_WHAT THE EXERCISE ASKS:_ Copy out each line of the data that holds the word "MULLION".
####################
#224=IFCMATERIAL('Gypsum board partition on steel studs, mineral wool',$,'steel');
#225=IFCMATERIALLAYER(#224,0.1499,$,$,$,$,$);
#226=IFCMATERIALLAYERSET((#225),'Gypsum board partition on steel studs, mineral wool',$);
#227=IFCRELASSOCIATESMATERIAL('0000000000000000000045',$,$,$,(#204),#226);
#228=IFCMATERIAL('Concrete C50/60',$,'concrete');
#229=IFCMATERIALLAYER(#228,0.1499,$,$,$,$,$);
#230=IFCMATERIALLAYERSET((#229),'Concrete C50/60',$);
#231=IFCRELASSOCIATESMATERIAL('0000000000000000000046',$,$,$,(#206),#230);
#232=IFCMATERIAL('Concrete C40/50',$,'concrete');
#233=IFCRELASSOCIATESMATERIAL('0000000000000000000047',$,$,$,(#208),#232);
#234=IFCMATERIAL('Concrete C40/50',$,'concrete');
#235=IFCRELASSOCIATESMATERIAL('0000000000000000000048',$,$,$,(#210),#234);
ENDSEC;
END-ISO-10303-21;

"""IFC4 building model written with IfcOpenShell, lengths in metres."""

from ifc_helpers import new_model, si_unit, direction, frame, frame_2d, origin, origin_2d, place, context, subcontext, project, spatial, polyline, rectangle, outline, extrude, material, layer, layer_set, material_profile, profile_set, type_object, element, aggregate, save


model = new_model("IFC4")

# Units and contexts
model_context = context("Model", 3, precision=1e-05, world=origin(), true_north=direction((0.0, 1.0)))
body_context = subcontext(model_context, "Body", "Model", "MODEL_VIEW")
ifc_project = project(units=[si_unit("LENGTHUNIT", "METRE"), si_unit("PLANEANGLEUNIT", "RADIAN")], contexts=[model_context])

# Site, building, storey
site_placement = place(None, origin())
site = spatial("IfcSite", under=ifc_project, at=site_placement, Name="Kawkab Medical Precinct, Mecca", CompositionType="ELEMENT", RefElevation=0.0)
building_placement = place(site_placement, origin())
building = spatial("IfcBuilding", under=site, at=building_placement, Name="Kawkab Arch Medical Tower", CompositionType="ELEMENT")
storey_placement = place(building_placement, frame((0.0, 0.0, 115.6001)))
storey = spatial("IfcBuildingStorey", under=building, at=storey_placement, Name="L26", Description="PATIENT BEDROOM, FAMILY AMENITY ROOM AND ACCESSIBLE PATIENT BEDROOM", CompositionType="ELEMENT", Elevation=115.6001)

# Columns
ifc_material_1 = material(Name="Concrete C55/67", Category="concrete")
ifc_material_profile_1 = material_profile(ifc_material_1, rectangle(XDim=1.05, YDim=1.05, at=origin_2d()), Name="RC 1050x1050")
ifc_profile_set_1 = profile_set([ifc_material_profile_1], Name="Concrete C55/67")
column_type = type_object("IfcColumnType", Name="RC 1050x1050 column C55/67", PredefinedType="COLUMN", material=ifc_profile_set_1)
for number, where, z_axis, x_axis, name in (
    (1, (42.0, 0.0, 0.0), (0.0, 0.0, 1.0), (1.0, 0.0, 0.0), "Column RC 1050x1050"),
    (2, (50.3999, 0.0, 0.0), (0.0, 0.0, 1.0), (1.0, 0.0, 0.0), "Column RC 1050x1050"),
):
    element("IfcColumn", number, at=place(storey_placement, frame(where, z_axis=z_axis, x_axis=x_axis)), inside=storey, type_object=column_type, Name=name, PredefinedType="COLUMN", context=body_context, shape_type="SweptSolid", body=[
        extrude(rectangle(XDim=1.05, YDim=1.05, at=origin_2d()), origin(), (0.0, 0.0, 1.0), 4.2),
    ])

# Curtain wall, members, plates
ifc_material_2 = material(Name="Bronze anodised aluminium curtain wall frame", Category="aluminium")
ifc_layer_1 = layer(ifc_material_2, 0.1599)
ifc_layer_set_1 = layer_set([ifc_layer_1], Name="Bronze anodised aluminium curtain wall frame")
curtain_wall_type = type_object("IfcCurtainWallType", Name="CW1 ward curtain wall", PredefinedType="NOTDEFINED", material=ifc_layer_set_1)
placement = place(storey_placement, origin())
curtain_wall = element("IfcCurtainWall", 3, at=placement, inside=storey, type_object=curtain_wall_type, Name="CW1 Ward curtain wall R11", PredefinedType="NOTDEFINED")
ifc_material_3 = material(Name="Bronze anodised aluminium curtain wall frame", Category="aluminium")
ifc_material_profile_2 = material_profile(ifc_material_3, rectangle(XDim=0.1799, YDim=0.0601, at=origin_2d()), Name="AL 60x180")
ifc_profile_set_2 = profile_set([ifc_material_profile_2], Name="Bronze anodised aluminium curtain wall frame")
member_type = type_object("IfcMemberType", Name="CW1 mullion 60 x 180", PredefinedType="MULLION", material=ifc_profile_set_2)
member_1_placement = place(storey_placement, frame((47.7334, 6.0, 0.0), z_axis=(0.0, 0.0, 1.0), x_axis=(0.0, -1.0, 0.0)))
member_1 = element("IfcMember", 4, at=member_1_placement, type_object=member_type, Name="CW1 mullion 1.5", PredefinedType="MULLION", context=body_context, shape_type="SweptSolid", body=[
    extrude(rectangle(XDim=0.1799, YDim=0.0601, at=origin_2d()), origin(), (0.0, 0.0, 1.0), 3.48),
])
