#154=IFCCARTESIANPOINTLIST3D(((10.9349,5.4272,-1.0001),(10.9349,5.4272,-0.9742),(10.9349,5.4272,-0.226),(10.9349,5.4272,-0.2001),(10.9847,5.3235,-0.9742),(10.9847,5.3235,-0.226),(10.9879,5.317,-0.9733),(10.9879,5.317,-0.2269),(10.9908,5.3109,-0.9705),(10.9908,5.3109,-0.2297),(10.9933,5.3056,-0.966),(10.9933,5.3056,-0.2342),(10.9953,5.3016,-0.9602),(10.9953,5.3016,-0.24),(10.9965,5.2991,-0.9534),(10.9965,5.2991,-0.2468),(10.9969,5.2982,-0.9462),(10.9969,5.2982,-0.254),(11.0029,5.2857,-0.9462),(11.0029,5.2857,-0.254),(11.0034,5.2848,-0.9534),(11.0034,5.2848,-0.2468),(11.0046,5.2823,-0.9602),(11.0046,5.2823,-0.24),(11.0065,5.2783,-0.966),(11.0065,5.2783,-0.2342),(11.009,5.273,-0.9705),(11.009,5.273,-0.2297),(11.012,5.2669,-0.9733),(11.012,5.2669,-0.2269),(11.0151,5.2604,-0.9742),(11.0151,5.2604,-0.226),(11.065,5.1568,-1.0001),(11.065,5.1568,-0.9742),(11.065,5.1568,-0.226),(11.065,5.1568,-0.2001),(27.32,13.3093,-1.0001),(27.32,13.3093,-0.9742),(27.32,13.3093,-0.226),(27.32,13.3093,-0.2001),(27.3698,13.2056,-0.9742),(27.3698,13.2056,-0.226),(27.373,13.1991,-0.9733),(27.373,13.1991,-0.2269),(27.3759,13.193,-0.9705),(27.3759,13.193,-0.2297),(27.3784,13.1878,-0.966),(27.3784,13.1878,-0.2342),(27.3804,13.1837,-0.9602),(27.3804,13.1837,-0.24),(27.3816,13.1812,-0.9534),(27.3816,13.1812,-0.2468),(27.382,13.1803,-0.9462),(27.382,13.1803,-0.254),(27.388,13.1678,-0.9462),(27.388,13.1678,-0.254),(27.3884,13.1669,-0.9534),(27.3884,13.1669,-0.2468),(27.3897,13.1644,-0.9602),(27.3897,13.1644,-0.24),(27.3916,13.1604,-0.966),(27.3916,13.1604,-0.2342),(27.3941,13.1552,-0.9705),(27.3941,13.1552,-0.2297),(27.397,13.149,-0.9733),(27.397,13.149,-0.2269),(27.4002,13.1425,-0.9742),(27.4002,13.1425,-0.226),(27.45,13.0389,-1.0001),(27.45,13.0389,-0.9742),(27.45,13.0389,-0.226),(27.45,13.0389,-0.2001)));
####################
_SOLUTION FOR THIS PROBLEM:_
member_type = type_object("IfcMemberType", Name="CW1 mullion 60 x 180", PredefinedType="MULLION", material=ifc_profile_set_2)
member_1 = element("IfcMember", 4, at=member_1_placement, type_object=member_type, Name="CW1 mullion 1.5", PredefinedType="MULLION", context=body_context, shape_type="SweptSolid", body=[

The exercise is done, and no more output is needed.